▶ **Information shown**:
▬▬▬▬▬▬
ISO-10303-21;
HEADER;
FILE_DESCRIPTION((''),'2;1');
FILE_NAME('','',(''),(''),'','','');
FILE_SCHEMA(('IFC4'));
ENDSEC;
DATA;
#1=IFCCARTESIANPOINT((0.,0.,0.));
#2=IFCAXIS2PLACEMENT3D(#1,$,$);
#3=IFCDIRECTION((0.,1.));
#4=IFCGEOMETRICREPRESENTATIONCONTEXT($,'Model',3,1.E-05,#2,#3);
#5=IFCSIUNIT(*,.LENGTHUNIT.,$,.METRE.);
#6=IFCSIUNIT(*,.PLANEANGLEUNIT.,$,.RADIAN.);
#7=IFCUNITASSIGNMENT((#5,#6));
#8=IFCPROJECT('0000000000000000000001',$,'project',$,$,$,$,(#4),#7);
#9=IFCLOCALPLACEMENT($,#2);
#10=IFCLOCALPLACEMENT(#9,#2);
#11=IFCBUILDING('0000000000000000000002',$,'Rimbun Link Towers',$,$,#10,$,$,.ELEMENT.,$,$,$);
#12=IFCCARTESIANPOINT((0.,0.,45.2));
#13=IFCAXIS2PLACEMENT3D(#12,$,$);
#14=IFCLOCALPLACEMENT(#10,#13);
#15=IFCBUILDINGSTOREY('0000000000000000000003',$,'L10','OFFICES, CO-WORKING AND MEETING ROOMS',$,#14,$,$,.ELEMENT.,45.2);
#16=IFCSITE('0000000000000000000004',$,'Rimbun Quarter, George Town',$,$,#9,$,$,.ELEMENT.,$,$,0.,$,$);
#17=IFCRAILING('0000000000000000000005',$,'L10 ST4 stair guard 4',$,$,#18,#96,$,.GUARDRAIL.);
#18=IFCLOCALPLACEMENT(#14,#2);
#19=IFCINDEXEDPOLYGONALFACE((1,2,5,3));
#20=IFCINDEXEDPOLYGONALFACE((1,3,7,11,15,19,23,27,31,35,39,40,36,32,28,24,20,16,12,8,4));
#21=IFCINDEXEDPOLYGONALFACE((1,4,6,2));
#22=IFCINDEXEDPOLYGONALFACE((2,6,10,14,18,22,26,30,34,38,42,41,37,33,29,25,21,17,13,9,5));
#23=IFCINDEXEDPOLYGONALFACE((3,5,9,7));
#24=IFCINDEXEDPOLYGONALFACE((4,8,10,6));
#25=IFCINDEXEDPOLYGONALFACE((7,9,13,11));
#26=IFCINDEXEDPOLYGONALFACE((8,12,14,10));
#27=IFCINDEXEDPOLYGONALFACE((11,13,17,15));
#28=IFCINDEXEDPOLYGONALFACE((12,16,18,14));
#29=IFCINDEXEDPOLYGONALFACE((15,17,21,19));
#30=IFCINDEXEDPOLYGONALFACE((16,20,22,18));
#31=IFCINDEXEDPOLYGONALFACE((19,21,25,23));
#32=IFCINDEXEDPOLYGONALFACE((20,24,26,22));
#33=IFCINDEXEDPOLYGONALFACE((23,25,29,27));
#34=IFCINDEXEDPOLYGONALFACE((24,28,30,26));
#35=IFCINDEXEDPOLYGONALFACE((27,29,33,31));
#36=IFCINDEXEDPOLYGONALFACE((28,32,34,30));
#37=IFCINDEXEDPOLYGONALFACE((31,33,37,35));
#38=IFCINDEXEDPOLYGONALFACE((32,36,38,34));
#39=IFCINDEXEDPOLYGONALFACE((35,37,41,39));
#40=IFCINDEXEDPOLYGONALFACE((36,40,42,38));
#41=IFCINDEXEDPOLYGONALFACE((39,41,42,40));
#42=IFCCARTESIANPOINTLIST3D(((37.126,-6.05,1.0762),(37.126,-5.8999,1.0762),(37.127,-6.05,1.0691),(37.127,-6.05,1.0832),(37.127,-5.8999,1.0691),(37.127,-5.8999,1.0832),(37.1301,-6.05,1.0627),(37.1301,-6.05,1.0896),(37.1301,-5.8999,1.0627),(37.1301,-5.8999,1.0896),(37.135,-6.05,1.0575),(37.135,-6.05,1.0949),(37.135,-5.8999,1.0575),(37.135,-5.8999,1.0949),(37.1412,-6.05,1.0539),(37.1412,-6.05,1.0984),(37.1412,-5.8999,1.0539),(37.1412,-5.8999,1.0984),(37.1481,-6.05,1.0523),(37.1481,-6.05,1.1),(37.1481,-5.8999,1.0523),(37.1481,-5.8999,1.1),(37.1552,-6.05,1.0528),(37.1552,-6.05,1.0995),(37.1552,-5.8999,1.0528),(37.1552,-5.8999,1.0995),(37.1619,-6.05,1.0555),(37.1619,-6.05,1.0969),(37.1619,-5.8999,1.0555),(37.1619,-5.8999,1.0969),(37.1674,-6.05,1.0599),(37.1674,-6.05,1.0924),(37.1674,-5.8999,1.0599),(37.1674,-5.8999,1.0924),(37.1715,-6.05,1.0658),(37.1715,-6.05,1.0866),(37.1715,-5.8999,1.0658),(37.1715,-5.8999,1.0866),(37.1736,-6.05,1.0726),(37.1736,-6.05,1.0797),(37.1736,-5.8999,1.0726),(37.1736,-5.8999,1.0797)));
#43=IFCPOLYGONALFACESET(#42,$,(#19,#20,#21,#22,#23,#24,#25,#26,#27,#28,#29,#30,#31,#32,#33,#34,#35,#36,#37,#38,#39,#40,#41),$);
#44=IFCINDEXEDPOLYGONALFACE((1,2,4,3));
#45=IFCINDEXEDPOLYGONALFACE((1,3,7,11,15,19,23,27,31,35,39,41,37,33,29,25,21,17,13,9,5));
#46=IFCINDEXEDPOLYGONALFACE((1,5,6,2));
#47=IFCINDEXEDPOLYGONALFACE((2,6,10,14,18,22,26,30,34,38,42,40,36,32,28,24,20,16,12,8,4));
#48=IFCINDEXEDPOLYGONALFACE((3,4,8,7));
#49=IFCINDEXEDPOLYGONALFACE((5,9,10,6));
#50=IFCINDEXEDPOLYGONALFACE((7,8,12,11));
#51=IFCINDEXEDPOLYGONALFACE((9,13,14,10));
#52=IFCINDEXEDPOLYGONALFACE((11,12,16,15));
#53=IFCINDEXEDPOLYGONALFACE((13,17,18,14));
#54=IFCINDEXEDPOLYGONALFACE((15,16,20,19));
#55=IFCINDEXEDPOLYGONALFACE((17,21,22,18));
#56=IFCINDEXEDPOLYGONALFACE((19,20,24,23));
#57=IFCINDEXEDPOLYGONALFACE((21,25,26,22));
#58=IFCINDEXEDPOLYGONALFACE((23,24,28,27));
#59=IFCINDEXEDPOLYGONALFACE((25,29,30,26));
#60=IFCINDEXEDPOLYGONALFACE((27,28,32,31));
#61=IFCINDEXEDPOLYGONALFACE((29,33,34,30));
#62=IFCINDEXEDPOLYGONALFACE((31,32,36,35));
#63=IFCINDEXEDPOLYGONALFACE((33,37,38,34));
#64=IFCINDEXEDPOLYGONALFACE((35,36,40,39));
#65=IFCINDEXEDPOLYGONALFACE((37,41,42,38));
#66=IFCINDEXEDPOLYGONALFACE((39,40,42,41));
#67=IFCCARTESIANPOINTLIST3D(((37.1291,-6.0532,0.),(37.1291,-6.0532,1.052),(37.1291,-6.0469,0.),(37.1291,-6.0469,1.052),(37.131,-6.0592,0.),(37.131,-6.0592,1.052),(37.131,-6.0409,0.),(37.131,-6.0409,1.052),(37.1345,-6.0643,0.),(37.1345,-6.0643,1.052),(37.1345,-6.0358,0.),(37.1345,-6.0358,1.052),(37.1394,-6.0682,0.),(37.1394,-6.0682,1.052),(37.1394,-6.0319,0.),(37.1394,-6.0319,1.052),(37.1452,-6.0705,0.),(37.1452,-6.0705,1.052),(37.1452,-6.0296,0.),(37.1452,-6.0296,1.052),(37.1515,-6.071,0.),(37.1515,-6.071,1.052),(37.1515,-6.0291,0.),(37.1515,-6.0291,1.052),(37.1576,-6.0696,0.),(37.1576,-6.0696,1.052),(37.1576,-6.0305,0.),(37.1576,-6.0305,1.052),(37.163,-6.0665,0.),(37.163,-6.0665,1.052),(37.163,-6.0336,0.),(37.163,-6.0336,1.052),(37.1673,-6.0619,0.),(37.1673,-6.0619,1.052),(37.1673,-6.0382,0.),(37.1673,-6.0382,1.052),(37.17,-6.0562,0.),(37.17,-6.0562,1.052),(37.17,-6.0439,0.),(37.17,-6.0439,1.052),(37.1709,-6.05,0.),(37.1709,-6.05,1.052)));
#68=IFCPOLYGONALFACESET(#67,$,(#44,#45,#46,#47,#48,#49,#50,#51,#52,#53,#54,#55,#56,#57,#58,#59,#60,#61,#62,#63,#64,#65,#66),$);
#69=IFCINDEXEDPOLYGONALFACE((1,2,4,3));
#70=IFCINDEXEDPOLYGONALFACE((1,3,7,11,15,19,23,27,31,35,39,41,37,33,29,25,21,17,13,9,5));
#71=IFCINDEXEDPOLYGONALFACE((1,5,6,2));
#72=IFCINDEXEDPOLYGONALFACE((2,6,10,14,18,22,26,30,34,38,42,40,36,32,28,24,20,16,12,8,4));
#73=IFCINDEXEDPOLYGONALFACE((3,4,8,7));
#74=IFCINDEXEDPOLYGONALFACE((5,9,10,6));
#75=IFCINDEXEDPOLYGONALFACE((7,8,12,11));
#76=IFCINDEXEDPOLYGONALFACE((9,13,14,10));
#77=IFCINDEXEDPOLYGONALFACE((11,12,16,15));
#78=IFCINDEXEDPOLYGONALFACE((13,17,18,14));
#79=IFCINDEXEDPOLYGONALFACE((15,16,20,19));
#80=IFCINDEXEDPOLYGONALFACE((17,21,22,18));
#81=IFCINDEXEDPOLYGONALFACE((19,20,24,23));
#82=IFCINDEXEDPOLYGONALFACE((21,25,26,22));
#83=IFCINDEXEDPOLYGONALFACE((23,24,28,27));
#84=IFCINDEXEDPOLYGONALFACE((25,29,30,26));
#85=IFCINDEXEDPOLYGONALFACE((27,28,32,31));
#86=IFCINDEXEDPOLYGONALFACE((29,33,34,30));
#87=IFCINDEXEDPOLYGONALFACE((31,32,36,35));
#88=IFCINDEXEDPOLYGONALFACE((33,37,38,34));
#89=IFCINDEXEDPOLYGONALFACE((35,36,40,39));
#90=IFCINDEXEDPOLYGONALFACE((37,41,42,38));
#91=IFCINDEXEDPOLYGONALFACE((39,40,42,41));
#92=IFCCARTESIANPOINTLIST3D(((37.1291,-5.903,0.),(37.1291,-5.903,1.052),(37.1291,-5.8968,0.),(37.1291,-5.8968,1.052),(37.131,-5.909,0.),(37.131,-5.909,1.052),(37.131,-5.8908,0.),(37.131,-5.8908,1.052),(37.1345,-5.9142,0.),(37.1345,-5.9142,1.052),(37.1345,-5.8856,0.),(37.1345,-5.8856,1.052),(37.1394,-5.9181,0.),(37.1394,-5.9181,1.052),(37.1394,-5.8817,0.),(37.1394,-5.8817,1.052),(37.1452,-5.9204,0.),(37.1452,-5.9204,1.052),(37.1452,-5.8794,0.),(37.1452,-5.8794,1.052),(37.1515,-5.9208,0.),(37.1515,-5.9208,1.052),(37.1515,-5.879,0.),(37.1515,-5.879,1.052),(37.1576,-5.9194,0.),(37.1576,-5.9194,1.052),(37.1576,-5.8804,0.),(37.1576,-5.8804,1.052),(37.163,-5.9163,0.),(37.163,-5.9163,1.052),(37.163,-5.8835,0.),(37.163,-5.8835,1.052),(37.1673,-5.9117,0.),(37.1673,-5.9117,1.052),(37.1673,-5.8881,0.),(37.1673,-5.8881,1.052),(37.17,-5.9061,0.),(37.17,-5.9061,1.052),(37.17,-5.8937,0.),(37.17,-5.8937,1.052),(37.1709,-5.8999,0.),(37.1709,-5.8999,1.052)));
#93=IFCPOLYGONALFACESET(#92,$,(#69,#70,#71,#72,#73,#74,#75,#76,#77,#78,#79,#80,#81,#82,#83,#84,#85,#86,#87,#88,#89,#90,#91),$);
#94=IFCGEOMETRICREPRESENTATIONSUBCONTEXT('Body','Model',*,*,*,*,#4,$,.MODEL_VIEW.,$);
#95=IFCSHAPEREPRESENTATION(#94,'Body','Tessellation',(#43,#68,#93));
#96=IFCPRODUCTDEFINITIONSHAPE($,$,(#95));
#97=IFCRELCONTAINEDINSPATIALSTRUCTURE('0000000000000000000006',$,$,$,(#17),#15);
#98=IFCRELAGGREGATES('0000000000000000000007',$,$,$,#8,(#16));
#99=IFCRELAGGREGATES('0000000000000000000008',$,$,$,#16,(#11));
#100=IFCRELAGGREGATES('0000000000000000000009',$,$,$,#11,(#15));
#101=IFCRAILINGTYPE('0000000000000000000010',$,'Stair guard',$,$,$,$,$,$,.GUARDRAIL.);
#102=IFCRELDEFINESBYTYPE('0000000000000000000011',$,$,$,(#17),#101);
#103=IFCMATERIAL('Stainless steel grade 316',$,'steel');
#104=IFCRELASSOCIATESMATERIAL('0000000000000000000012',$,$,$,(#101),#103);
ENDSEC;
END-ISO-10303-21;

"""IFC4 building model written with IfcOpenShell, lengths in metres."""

from ifc_helpers import new_model, si_unit, direction, frame, origin, origin_2d, place, context, subcontext, project, spatial, circle, extrude, material, type_object, element, save


model = new_model("IFC4")

# Units and contexts
model_context = context("Model", 3, precision=1e-05, world=origin(), true_north=direction((0.0, 1.0)))
body_context = subcontext(model_context, "Body", "Model", "MODEL_VIEW")
ifc_project = project(units=[si_unit("LENGTHUNIT", "METRE"), si_unit("PLANEANGLEUNIT", "RADIAN")], contexts=[model_context])

# Site, building, storey
site_placement = place(None, origin())
site = spatial("IfcSite", under=ifc_project, at=site_placement, Name="Rimbun Quarter, George Town", CompositionType="ELEMENT", RefElevation=0.0)
building_placement = place(site_placement, origin())
building = spatial("IfcBuilding", under=site, at=building_placement, Name="Rimbun Link Towers", CompositionType="ELEMENT")
storey_placement = place(building_placement, frame((0.0, 0.0, 45.2)))
storey = spatial("IfcBuildingStorey", under=building, at=storey_placement, Name="L10", Description="OFFICES, CO-WORKING AND MEETING ROOMS", CompositionType="ELEMENT", Elevation=45.2)

# Railing
ifc_material_1 = material(Name="Stainless steel grade 316", Category="steel")
railing_type_1 = type_object("IfcRailingType", Name="Stair guard", PredefinedType="GUARDRAIL", material=ifc_material_1)
railing_1_placement = place(storey_placement, frame((37.1499, -6.05, 0.0)))
element("IfcRailing", 1, at=railing_1_placement, inside=storey, type_object=railing_type_1, Name="L10 ST4 stair guard 4", PredefinedType="GUARDRAIL", context=body_context, shape_type="SweptSolid", body=[
    extrude(circle(Radius=0.0239, at=origin_2d()), frame((0.0, 0.0, 1.0762), z_axis=(0.0, 1.0, 0.0), x_axis=(-1.0, 0.0, 0.0)), (0.0, 0.0, 1.0), 0.1501),
    extrude(circle(Radius=0.021, at=origin_2d()), origin(), (0.0, 0.0, 1.0), 1.052),
    extrude(circle(Radius=0.021, at=origin_2d()), frame((0.0, 0.1501, 0.0)), (0.0, 0.0, 1.0), 1.052),
])

save(model, "model.ifc")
▬▬▬▬▬▬
▶ **What the task requires**: Above are the lines; repeat exactly the ones from the line containing "#96=IFCPRODUCTDEFINITIONSHAPE($,$,(#95));" down to the line containing "#103=IFCMATERIAL('Stainless steel grade", both inclusive.

▶ **Response for this exercise**:
#96=IFCPRODUCTDEFINITIONSHAPE($,$,(#95));
#97=IFCRELCONTAINEDINSPATIALSTRUCTURE('0000000000000000000006',$,$,$,(#17),#15);
#98=IFCRELAGGREGATES('0000000000000000000007',$,$,$,#8,(#16));
#99=IFCRELAGGREGATES('0000000000000000000008',$,$,$,#16,(#11));
#100=IFCRELAGGREGATES('0000000000000000000009',$,$,$,#11,(#15));
#101=IFCRAILINGTYPE('0000000000000000000010',$,'Stair guard',$,$,$,$,$,$,.GUARDRAIL.);
#102=IFCRELDEFINESBYTYPE('0000000000000000000011',$,$,$,(#17),#101);
#103=IFCMATERIAL('Stainless steel grade 316',$,'steel');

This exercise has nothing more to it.